Stored data:
____
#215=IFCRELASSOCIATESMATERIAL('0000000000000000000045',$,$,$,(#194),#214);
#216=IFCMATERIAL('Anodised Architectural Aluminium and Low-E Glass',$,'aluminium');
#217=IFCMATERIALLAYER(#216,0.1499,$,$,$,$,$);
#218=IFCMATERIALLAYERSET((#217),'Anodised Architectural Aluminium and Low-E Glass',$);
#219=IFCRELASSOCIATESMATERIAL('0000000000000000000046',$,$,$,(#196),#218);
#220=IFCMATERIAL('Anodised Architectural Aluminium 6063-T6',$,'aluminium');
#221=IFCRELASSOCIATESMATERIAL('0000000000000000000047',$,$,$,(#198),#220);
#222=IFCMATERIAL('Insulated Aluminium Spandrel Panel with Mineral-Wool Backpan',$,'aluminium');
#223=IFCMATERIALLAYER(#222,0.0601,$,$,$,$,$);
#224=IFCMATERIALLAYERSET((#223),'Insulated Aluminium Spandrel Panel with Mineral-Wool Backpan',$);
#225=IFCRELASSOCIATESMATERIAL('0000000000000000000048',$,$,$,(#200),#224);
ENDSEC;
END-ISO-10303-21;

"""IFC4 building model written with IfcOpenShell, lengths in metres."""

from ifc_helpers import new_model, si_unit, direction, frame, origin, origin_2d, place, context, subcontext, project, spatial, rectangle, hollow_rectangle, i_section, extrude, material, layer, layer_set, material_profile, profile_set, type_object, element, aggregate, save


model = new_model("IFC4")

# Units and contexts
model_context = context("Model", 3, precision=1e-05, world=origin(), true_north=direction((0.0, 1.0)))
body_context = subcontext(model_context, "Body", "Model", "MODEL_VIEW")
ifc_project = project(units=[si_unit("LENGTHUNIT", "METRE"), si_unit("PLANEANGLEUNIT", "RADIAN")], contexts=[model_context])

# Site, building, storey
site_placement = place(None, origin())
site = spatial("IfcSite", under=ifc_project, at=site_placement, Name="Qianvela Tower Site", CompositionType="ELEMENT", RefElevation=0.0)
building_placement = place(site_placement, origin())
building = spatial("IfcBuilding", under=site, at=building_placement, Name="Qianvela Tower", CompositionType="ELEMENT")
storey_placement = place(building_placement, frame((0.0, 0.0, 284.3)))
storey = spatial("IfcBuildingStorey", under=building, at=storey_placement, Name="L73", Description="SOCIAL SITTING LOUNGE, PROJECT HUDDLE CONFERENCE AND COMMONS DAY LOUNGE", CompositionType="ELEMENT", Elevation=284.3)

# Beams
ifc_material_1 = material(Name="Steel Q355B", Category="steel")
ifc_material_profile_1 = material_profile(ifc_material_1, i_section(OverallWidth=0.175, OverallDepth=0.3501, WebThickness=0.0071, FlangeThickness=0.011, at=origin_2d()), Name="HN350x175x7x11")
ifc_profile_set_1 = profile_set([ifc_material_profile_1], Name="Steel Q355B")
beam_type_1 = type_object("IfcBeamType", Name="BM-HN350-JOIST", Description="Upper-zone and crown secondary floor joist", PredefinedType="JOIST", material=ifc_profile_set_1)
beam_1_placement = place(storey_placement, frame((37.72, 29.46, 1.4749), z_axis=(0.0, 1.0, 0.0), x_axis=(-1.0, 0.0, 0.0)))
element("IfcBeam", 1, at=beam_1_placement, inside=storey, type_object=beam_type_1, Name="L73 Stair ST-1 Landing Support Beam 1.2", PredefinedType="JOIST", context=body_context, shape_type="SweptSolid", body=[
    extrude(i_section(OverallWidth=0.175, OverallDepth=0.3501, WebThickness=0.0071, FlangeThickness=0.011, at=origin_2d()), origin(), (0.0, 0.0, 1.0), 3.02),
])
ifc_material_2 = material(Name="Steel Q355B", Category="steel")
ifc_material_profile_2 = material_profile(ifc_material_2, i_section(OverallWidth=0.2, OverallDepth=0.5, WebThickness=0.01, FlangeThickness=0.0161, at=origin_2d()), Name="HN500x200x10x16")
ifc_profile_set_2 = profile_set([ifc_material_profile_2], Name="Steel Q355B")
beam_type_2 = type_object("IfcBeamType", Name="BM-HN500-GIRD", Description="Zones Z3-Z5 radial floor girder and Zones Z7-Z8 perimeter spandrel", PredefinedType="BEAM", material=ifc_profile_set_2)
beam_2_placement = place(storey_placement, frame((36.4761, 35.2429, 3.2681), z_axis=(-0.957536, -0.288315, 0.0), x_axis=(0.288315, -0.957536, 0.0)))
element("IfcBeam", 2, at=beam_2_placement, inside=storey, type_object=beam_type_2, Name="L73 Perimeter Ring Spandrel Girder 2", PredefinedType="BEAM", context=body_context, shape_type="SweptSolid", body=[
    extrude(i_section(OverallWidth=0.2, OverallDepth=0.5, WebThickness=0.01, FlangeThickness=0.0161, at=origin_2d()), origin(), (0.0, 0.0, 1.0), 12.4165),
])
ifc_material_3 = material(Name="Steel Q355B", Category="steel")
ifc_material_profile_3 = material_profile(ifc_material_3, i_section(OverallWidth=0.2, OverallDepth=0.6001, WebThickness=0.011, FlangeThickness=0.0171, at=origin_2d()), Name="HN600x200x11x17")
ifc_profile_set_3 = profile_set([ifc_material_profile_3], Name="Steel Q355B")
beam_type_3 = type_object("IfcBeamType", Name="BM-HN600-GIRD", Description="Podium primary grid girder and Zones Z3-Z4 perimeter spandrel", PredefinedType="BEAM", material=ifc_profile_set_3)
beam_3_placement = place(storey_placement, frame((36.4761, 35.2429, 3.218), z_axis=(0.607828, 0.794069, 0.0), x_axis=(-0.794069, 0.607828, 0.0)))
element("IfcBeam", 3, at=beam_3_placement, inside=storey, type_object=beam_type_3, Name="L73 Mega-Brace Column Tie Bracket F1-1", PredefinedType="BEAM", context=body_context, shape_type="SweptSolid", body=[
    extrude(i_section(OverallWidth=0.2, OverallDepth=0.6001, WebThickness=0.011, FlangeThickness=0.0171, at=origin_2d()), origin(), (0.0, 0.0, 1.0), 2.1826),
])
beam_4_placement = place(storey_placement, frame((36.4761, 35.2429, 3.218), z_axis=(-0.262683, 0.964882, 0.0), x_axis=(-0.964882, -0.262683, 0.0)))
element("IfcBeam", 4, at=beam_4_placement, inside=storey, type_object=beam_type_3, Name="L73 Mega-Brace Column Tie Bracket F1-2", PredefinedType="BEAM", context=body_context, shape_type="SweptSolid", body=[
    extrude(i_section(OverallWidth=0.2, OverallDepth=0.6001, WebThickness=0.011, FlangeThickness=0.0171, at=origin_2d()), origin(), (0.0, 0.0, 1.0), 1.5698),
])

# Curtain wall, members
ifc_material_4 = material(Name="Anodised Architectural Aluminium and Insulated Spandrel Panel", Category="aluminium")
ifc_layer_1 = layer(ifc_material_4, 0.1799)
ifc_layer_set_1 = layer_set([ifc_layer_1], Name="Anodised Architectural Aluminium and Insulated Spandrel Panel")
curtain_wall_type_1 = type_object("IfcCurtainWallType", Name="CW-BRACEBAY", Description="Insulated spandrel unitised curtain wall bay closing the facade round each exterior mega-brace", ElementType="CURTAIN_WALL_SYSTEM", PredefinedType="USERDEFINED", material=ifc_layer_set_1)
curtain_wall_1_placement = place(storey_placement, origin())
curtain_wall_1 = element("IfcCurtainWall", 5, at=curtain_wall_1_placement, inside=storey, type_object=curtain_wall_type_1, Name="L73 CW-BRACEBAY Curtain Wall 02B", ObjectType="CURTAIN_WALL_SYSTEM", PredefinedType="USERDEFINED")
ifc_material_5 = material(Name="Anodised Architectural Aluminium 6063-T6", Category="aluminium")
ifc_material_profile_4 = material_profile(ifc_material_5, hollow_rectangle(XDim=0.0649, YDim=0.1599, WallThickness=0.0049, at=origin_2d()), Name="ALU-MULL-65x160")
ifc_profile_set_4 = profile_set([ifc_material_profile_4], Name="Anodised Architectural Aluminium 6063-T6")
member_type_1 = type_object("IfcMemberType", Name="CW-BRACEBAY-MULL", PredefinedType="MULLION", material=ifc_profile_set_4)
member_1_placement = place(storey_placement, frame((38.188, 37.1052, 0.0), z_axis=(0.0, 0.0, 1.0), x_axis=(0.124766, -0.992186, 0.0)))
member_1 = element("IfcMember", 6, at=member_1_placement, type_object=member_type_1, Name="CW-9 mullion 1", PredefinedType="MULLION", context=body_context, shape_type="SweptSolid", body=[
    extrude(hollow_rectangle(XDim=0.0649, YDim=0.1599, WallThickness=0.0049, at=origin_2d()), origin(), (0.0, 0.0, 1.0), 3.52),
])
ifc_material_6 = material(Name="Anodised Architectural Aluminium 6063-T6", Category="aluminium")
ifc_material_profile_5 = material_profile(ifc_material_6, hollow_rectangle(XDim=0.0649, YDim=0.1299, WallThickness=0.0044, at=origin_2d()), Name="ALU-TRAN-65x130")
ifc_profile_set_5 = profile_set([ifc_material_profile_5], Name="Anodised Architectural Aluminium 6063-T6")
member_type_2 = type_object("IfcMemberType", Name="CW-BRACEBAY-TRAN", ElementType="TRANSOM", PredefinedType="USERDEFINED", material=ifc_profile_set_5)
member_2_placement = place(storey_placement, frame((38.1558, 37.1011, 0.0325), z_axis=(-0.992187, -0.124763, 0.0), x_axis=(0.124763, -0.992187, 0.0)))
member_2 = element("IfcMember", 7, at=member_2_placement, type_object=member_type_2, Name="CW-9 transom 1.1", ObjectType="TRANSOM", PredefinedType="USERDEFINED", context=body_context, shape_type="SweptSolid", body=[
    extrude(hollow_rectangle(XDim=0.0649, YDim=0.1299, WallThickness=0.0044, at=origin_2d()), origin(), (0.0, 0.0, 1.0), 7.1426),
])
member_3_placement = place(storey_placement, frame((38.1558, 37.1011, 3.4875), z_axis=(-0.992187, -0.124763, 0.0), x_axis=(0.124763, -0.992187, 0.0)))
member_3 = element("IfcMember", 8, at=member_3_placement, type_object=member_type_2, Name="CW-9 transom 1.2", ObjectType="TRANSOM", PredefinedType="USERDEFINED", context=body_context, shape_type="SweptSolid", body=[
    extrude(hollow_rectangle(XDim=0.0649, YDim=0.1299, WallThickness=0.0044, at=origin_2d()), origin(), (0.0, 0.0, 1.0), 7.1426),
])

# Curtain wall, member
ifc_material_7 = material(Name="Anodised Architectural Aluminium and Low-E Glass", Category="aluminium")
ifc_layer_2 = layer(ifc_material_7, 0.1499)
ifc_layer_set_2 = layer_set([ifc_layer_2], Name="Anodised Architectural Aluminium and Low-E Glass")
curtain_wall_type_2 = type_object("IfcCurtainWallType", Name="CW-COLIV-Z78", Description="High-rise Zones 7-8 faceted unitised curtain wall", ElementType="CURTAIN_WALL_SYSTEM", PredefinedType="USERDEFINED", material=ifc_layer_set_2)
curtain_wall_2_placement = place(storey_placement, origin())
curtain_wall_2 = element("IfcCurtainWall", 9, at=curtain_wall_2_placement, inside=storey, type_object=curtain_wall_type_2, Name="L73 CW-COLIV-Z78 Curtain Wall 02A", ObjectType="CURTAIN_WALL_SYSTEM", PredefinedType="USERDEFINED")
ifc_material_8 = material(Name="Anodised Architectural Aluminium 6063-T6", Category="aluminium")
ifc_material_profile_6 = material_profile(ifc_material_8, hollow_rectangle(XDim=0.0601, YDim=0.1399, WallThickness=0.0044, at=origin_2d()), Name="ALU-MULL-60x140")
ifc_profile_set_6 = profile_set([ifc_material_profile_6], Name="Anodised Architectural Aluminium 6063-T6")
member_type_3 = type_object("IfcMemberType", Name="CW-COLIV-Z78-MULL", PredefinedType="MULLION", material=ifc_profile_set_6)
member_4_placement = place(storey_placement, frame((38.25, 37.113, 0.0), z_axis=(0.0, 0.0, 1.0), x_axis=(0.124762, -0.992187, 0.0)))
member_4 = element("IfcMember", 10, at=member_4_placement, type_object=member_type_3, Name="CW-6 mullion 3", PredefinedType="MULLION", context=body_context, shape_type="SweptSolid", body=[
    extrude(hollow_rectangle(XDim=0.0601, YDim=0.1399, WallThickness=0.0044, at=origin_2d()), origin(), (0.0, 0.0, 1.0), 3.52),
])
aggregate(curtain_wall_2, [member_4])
____
EXERCISE OBJECTIVE: What you give back should be exactly the lines of the data above from the line with "from ifc_helpers import" through the line with "building_placement = place(site_placement, origin())", both of those included, and nothing more.

RESPONSE BOX:
from ifc_helpers import new_model, si_unit, direction, frame, origin, origin_2d, place, context, subcontext, project, spatial, rectangle, hollow_rectangle, i_section, extrude, material, layer, layer_set, material_profile, profile_set, type_object, element, aggregate, save


model = new_model("IFC4")

# Units and contexts
model_context = context("Model", 3, precision=1e-05, world=origin(), true_north=direction((0.0, 1.0)))
body_context = subcontext(model_context, "Body", "Model", "MODEL_VIEW")
ifc_project = project(units=[si_unit("LENGTHUNIT", "METRE"), si_unit("PLANEANGLEUNIT", "RADIAN")], contexts=[model_context])

# Site, building, storey
site_placement = place(None, origin())
site = spatial("IfcSite", under=ifc_project, at=site_placement, Name="Qianvela Tower Site", CompositionType="ELEMENT", RefElevation=0.0)
building_placement = place(site_placement, origin())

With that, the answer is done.